● HOW TO COMPLETE THIS TASK: Whenever the string "Concrete" turns up in a line of the data below, copy that line.

[Opening SUPPLIED RECORDS section]

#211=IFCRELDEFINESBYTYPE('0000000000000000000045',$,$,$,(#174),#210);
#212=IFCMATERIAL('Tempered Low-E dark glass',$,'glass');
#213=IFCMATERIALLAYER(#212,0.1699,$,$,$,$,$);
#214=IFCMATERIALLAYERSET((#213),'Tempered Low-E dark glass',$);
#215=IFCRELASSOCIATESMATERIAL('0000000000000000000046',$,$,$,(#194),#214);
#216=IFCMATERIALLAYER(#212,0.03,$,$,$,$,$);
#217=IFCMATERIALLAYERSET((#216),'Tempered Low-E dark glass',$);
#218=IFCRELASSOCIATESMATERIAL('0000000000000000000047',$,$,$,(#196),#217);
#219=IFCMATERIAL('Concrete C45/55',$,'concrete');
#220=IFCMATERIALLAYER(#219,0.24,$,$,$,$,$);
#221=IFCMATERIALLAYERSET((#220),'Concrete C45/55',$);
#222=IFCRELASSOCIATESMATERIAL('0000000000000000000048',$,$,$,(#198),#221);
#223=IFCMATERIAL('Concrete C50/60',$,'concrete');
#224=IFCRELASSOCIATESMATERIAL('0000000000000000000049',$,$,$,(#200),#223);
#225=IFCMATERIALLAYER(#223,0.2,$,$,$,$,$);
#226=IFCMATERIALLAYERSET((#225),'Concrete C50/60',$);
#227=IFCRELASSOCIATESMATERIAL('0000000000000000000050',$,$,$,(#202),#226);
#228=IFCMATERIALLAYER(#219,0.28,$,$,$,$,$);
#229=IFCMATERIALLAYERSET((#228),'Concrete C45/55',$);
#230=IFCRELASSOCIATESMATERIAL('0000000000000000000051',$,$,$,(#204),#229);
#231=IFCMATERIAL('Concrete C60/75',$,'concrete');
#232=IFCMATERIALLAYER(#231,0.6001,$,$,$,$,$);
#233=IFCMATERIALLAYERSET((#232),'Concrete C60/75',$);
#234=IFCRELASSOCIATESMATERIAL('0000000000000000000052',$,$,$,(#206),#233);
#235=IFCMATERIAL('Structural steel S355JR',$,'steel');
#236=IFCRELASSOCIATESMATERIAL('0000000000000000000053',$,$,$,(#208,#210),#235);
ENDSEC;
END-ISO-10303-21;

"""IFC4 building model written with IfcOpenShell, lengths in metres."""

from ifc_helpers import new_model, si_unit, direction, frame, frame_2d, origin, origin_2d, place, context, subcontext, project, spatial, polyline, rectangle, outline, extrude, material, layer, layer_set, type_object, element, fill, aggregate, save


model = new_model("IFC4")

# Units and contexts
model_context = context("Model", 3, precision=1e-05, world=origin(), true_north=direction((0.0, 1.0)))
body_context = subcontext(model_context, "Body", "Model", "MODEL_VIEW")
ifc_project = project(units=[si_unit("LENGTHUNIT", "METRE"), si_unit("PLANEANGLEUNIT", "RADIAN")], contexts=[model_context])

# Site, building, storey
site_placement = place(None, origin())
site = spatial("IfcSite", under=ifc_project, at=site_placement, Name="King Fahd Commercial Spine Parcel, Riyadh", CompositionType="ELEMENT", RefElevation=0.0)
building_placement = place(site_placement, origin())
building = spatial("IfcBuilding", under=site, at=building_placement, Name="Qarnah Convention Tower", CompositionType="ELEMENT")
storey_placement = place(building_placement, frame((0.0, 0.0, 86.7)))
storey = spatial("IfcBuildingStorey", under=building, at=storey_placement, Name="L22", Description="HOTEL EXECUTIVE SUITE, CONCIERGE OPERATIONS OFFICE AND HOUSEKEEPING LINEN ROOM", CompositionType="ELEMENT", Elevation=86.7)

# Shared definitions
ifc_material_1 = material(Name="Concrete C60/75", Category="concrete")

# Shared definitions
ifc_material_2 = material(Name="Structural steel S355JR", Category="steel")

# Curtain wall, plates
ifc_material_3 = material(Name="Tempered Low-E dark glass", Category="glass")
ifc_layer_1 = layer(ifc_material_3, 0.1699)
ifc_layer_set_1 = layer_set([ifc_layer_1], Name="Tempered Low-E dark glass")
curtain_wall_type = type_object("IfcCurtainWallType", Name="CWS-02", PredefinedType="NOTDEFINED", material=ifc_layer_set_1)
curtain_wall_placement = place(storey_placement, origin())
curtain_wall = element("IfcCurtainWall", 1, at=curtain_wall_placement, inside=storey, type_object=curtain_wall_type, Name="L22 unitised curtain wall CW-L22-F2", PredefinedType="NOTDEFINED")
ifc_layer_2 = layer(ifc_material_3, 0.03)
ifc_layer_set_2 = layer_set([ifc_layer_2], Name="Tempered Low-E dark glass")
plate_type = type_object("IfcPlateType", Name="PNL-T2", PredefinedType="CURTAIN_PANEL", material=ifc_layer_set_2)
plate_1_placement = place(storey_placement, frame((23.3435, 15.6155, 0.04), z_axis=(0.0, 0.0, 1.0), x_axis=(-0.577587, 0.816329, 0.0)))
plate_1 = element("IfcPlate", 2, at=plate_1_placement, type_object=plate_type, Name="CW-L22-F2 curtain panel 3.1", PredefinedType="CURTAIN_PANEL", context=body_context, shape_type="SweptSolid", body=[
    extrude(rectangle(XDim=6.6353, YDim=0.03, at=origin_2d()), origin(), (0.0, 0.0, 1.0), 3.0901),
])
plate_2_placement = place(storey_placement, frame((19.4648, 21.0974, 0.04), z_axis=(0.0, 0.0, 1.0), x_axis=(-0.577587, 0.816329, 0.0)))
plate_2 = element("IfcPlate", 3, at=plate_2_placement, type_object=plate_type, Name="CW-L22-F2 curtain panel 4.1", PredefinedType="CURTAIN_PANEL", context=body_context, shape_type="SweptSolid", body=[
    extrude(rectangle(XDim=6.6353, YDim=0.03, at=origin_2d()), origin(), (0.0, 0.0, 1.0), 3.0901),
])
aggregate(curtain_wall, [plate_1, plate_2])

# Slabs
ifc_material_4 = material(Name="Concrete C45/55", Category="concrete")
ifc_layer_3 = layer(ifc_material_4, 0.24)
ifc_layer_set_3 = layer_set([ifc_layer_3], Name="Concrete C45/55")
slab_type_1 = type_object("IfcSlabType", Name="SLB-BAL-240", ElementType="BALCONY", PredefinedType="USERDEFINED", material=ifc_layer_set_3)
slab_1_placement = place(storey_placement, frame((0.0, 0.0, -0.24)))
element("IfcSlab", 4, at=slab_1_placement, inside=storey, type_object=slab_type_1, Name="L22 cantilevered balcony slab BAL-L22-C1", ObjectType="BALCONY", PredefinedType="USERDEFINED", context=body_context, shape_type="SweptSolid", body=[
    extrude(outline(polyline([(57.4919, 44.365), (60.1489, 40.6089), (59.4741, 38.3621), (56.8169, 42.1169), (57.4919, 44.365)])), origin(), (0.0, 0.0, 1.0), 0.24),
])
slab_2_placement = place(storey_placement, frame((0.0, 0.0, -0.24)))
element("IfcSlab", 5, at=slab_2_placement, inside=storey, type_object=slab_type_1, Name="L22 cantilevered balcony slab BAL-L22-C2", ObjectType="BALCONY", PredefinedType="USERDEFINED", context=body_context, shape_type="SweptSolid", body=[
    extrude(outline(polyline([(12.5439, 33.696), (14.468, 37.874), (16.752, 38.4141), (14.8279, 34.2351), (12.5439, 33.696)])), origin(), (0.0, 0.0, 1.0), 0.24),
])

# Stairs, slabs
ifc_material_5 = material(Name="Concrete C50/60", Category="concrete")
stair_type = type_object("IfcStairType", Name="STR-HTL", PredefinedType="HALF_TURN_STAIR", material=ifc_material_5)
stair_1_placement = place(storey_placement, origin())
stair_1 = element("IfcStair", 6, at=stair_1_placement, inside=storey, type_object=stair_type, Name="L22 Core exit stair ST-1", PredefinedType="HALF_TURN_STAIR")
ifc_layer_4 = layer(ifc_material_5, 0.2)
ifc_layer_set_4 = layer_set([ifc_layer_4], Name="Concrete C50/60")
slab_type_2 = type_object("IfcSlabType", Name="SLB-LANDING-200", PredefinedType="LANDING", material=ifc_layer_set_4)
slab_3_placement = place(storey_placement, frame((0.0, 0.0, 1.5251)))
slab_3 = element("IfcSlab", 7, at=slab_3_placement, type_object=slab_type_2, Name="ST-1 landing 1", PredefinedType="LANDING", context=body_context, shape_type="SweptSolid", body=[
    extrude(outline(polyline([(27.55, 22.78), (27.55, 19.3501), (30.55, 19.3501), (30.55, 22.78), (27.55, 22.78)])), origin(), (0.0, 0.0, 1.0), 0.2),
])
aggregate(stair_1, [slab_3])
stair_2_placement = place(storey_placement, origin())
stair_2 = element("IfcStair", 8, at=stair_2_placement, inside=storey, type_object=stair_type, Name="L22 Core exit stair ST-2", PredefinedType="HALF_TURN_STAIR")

[Closing SUPPLIED RECORDS section]

● RESULT BELOW:
#219=IFCMATERIAL('Concrete C45/55',$,'concrete');
#221=IFCMATERIALLAYERSET((#220),'Concrete C45/55',$);
#223=IFCMATERIAL('Concrete C50/60',$,'concrete');
#226=IFCMATERIALLAYERSET((#225),'Concrete C50/60',$);
#229=IFCMATERIALLAYERSET((#228),'Concrete C45/55',$);
#231=IFCMATERIAL('Concrete C60/75',$,'concrete');
#233=IFCMATERIALLAYERSET((#232),'Concrete C60/75',$);
ifc_material_1 = material(Name="Concrete C60/75", Category="concrete")
ifc_material_4 = material(Name="Concrete C45/55", Category="concrete")
ifc_layer_set_3 = layer_set([ifc_layer_3], Name="Concrete C45/55")
ifc_material_5 = material(Name="Concrete C50/60", Category="concrete")
ifc_layer_set_4 = layer_set([ifc_layer_4], Name="Concrete C50/60")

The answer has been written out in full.